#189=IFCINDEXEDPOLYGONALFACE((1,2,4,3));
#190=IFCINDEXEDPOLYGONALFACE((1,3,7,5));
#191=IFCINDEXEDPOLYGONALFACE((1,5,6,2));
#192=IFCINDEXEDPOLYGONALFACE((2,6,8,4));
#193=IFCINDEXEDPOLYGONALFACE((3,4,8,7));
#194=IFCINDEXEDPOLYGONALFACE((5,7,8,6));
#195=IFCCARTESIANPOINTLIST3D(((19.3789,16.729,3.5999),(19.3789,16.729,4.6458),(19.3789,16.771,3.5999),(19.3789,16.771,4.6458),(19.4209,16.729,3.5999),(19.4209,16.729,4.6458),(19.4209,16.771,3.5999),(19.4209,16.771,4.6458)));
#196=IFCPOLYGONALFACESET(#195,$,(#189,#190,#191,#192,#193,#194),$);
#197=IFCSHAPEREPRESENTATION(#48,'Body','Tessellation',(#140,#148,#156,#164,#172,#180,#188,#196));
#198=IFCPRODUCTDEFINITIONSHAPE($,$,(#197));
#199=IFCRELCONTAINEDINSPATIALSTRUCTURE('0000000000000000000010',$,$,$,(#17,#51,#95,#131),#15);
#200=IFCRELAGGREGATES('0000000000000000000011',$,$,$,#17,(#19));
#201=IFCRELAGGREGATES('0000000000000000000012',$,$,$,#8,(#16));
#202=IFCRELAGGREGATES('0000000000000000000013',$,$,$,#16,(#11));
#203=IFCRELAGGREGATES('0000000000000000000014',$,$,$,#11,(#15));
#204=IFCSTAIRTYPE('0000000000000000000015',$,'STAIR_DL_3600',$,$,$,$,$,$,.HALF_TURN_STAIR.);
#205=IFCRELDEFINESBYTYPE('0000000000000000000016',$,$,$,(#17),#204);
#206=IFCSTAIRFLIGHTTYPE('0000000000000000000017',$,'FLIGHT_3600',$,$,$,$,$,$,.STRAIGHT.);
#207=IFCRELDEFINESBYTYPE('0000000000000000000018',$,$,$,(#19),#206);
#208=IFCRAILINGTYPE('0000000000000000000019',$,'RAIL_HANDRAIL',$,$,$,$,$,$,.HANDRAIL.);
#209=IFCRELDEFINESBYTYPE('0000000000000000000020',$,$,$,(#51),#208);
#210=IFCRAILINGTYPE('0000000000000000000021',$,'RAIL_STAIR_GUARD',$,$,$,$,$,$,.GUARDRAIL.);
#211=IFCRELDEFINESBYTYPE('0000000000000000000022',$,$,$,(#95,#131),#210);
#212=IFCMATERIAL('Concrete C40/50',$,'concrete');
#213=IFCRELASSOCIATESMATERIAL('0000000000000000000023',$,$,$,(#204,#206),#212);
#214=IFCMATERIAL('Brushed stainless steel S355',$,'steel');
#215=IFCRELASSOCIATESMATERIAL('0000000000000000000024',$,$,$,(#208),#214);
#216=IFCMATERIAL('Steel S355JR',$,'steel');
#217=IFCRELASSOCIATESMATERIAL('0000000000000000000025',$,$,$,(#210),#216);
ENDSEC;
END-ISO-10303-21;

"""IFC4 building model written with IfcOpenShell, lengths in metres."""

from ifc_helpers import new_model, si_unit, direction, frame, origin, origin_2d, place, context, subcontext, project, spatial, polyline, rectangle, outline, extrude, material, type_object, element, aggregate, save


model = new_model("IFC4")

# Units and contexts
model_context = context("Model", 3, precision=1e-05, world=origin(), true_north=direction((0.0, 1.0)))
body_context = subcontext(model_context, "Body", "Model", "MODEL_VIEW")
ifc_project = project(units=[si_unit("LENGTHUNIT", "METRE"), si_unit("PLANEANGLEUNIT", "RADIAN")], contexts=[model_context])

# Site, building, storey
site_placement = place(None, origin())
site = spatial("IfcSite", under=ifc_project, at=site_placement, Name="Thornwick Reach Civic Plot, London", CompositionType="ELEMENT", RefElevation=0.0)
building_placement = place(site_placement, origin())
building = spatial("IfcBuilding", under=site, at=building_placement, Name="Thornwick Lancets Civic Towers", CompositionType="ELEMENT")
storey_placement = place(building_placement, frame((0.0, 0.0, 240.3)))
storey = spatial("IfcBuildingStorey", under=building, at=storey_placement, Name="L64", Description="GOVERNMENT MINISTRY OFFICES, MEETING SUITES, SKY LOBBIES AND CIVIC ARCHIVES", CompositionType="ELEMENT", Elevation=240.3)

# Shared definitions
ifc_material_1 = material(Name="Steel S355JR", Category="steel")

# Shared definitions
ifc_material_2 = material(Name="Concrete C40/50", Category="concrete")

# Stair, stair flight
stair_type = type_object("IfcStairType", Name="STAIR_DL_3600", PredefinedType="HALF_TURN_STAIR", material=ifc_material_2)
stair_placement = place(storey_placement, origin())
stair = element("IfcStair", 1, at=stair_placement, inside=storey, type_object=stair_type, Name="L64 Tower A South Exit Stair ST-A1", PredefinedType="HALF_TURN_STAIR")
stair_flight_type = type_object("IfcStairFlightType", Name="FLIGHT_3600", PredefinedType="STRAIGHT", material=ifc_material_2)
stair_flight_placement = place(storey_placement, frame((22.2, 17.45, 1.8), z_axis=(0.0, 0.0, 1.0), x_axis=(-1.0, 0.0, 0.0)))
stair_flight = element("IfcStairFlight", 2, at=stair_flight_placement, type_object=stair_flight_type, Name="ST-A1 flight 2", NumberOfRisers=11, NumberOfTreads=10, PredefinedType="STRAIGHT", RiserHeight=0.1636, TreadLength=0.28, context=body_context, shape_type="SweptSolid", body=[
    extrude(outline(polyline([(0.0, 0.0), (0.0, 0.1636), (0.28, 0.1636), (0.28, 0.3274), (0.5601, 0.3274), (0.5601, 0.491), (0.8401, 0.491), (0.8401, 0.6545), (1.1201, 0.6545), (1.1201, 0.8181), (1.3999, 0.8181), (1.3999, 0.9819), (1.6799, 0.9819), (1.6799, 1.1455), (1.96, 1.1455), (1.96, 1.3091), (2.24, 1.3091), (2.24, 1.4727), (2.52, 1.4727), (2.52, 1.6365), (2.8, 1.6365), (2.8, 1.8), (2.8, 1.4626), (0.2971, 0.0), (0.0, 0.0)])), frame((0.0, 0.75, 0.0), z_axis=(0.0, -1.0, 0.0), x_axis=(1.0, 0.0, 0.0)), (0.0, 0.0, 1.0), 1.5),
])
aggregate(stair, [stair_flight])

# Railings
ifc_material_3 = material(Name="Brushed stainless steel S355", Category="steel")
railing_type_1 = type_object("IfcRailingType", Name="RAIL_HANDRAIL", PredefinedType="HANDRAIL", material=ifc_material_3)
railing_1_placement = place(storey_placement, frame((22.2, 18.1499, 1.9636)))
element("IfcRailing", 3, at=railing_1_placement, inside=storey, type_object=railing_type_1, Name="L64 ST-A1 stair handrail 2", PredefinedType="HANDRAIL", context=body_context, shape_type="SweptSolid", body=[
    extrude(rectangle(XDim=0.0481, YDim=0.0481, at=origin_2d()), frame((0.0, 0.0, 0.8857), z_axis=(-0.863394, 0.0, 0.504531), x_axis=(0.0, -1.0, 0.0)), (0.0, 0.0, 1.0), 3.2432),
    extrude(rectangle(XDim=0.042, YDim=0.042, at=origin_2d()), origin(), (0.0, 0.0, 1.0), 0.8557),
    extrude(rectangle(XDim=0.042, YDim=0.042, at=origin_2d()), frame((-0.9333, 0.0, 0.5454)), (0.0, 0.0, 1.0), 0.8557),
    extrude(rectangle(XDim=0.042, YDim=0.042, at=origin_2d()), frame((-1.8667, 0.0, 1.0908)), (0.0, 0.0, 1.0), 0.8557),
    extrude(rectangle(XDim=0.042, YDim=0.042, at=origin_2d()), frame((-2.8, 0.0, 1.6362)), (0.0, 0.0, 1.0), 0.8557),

┄┄┄┄┄┄

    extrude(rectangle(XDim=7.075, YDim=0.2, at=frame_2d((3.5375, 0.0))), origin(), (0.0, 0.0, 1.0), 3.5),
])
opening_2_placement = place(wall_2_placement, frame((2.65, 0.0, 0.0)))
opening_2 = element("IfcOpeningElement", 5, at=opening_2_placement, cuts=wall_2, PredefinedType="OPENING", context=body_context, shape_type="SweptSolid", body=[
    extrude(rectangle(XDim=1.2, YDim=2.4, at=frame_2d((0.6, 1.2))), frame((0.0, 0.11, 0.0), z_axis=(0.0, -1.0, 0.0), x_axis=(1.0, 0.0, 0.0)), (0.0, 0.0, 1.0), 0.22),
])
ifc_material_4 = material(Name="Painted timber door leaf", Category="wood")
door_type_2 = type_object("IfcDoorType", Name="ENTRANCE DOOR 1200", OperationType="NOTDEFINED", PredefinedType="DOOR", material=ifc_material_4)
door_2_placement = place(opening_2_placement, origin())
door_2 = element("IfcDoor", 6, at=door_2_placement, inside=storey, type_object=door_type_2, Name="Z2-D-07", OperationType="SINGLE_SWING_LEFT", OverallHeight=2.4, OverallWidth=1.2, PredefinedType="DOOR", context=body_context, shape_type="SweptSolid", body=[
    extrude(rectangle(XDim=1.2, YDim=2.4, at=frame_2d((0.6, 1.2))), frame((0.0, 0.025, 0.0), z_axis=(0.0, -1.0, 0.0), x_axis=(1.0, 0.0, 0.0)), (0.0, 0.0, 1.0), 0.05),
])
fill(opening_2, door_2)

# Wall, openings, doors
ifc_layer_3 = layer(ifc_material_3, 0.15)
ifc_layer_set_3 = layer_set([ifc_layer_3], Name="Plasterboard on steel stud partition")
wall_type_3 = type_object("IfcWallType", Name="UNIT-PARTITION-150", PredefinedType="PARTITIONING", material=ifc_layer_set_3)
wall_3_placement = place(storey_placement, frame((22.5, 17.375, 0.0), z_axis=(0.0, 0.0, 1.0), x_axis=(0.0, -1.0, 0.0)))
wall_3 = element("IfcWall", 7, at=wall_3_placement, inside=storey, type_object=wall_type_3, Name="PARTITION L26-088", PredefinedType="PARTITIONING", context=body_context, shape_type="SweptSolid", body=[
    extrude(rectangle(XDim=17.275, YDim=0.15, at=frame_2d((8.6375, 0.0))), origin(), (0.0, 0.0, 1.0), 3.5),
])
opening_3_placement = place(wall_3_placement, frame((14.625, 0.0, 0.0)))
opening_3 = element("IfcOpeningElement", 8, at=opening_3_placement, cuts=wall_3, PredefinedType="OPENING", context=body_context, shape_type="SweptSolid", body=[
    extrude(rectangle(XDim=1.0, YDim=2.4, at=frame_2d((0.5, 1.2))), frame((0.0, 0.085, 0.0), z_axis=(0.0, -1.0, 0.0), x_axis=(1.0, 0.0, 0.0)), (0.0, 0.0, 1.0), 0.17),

┄┄┄┄┄┄

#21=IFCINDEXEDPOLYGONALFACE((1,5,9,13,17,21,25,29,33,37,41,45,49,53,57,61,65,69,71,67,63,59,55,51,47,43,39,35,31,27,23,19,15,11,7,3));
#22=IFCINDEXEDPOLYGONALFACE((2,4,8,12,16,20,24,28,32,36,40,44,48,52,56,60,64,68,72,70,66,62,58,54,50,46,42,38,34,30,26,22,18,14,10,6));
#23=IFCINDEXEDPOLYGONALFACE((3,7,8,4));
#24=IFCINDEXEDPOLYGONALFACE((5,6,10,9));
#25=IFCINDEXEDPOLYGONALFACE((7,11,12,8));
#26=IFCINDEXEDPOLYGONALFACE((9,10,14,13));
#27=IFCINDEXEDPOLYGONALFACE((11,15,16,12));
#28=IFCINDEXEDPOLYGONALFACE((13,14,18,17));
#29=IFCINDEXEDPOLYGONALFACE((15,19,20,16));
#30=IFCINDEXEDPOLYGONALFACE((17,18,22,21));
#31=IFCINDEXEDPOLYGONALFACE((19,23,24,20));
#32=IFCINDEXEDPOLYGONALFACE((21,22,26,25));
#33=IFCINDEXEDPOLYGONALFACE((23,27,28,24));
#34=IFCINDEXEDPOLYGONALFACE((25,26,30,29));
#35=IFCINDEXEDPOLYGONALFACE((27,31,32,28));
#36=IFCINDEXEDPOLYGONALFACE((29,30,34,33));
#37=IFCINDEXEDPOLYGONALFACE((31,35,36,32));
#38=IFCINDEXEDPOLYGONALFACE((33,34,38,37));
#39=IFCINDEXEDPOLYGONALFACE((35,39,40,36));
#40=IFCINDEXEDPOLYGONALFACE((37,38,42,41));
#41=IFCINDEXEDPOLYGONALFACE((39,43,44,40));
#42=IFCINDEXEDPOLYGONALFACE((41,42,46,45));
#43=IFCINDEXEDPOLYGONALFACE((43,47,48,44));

┄┄┄┄┄┄

§ DESCRIPTION OF THE TASK
Repeat the entries above verbatim, but only from the line that has "#189=IFCINDEXEDPOLYGONALFACE((1,2,4,3));" down to the line that has "#194=IFCINDEXEDPOLYGONALFACE((5,7,8,6));", inclusive.

§ RESPONSE FOR THIS EXERCISE
#189=IFCINDEXEDPOLYGONALFACE((1,2,4,3));
#190=IFCINDEXEDPOLYGONALFACE((1,3,7,5));
#191=IFCINDEXEDPOLYGONALFACE((1,5,6,2));
#192=IFCINDEXEDPOLYGONALFACE((2,6,8,4));
#193=IFCINDEXEDPOLYGONALFACE((3,4,8,7));
#194=IFCINDEXEDPOLYGONALFACE((5,7,8,6));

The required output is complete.